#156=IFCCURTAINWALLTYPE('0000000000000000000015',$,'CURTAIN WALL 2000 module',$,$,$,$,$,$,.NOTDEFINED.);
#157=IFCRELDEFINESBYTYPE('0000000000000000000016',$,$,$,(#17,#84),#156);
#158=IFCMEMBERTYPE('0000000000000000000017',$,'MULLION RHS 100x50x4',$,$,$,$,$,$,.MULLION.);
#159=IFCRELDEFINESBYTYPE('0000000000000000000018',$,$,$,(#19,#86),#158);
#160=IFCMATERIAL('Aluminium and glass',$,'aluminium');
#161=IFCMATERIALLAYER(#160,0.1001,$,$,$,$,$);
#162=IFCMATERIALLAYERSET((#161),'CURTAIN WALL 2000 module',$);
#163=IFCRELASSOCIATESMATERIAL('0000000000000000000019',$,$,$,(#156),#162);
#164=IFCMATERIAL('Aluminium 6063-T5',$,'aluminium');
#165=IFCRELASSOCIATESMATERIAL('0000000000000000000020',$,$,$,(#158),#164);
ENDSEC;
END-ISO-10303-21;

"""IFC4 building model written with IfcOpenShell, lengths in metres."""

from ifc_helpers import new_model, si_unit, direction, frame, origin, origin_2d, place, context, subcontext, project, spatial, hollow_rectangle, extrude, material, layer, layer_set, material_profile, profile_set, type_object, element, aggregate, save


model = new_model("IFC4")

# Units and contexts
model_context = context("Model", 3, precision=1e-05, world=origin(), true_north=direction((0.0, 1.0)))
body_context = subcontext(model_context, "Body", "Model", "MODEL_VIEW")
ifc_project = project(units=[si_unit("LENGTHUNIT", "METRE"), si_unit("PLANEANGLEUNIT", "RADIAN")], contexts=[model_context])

# # # #

[The problem]:
Since only a number is wanted, please say how many lines in the data include the word "subcontext".

[Task response]:
2